-- Aim of the exercise --
Beneath this task is a listing. State how many of its lines include the string "Floor", giving nothing but the number.

-- Provided data --
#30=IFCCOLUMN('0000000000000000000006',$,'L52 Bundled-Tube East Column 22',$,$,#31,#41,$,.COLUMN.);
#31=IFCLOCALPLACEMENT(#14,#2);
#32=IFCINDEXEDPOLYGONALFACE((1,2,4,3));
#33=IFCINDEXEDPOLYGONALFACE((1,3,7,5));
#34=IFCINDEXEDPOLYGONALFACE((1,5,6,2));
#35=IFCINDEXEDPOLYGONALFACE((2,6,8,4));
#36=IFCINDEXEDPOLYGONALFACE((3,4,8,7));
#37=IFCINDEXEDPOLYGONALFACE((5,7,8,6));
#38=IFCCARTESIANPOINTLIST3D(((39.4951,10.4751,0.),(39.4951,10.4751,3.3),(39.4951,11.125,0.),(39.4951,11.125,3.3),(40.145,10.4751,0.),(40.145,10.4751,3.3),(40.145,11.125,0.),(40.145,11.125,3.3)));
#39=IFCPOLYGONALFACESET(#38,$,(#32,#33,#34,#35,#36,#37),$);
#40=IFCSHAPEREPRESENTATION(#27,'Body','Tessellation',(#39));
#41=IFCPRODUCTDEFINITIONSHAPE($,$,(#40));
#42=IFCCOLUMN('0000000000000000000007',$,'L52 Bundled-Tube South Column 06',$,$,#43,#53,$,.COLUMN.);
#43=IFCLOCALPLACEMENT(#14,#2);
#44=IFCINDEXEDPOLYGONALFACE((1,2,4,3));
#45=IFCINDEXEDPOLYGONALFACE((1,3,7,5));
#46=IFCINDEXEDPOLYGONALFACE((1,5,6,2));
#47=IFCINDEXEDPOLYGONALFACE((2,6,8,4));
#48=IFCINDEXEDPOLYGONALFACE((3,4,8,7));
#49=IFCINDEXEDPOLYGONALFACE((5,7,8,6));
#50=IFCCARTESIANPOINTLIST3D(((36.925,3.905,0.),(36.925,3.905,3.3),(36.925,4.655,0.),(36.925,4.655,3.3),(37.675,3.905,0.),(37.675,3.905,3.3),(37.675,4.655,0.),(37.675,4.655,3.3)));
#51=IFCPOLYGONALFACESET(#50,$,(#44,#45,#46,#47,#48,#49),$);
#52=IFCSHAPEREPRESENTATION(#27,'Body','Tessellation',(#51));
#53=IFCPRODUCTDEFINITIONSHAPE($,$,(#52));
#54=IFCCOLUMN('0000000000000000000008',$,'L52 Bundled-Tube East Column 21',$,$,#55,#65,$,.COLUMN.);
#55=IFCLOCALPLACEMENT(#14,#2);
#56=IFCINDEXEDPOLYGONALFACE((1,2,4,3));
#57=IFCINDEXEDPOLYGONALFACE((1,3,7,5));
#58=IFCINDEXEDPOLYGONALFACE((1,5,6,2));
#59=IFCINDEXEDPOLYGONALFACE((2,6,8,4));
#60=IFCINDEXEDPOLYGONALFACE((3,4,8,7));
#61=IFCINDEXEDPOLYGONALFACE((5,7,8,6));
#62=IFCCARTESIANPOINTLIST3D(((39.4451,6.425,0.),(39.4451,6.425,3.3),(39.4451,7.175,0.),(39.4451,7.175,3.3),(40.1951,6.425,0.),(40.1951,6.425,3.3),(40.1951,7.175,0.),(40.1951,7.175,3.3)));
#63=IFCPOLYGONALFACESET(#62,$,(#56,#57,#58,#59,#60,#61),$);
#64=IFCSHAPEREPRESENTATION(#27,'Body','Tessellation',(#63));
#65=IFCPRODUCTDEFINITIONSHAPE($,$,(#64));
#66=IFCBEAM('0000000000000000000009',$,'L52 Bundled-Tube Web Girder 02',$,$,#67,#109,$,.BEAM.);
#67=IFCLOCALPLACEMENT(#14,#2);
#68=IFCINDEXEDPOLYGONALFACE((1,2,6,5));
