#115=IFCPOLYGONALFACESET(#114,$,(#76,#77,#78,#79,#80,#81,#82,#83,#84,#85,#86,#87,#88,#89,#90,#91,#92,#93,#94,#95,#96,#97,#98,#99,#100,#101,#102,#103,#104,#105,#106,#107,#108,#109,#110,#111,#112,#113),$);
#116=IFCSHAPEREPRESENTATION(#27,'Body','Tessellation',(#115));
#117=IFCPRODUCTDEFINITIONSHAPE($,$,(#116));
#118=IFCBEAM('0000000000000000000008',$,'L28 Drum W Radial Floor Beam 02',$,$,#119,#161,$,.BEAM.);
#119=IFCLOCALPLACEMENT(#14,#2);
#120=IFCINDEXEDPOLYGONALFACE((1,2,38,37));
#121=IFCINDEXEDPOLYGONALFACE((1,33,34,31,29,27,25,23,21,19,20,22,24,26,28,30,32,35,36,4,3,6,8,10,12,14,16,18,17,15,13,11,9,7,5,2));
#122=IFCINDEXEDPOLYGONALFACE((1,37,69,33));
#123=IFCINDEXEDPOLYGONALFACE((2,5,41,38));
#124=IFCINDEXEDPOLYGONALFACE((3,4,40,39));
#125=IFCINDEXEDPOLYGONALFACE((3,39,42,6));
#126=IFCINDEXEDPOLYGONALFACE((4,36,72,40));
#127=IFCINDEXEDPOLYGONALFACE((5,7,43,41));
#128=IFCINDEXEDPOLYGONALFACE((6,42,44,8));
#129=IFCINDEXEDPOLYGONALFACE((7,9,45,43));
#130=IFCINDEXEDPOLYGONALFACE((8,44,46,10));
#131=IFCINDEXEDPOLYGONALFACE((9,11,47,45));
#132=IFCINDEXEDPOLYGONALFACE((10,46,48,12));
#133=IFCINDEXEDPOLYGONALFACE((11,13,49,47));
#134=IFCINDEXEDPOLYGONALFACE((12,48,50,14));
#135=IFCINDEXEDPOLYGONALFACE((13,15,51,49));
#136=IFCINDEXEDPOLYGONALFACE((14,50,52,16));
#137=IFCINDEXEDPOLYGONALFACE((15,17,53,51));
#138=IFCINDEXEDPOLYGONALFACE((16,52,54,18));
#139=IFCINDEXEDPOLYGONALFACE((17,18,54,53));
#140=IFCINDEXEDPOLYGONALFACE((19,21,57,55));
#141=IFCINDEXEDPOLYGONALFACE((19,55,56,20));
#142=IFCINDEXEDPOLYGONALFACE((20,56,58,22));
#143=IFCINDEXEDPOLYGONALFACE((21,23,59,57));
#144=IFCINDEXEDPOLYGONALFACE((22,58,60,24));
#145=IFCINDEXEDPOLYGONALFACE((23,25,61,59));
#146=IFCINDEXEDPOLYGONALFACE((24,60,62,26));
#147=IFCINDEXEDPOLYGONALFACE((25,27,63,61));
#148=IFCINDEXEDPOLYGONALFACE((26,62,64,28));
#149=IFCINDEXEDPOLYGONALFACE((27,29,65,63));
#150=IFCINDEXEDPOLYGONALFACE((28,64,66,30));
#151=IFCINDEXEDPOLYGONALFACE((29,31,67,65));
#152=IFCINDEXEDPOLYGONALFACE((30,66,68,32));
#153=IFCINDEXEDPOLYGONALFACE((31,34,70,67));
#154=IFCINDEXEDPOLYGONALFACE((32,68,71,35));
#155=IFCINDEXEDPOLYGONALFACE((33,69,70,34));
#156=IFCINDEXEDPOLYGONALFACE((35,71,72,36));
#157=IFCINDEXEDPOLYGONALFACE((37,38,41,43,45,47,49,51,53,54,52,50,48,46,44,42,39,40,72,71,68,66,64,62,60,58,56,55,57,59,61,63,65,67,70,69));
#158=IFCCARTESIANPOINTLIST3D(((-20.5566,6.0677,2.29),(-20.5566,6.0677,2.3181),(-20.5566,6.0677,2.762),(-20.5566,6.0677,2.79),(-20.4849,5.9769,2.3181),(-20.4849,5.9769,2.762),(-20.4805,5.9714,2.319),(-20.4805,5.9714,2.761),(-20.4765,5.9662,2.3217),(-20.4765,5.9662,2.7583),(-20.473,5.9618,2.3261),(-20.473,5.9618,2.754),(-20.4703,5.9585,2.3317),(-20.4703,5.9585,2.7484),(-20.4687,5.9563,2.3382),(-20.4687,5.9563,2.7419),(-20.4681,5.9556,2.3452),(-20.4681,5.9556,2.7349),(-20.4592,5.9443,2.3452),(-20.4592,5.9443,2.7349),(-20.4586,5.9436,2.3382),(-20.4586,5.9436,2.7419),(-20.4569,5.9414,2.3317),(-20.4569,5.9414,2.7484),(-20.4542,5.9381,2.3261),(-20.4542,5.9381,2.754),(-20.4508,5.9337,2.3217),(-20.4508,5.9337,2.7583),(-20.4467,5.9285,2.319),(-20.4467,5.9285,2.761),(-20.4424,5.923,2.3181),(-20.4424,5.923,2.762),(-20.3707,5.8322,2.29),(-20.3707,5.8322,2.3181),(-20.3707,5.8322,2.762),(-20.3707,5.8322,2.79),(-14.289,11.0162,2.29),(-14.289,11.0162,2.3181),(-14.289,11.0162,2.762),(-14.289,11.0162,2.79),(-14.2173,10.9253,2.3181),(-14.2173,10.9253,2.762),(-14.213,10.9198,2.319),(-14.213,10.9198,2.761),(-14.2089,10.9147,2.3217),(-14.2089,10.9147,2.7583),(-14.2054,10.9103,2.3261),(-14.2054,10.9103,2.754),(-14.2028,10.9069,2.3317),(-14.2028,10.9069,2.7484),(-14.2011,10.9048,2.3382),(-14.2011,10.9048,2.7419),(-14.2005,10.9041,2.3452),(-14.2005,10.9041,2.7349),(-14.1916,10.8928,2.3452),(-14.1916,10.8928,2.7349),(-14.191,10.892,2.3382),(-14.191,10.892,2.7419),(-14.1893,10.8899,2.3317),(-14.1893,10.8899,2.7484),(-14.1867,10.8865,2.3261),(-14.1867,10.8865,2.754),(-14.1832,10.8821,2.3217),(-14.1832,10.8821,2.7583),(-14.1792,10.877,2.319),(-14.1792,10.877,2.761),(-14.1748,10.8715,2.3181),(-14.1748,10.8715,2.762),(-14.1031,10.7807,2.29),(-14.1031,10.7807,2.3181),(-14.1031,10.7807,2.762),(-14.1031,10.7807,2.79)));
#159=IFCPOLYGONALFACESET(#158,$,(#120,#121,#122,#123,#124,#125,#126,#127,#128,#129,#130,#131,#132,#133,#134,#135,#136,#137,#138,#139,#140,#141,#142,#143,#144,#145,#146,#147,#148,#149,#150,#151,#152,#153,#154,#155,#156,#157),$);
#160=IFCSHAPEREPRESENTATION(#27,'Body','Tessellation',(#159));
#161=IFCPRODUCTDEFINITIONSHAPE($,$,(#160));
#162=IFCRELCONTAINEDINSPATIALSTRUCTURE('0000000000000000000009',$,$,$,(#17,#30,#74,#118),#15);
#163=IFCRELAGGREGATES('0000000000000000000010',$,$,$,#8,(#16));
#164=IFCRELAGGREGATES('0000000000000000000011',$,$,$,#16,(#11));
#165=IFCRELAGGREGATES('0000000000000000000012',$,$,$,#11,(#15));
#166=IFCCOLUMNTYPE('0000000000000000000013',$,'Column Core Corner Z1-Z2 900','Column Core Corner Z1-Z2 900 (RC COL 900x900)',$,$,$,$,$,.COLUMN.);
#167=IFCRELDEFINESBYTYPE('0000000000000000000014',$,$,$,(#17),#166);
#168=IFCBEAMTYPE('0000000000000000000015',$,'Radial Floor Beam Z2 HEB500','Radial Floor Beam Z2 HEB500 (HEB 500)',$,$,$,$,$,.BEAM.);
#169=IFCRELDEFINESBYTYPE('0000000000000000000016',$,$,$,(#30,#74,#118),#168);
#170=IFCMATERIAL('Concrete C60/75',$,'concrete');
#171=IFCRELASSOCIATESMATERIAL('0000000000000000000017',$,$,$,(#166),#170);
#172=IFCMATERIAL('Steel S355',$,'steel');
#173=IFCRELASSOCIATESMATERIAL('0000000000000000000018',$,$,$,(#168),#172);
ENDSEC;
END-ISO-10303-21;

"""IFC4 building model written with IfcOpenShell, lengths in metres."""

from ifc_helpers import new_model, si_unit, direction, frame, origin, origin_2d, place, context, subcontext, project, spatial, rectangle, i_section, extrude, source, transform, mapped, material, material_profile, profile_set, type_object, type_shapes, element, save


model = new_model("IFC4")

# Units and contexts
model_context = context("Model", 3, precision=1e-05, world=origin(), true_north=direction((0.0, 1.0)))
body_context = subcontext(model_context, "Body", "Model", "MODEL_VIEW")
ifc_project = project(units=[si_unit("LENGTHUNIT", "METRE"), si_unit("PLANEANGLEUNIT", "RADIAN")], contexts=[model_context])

-- Task answer --
2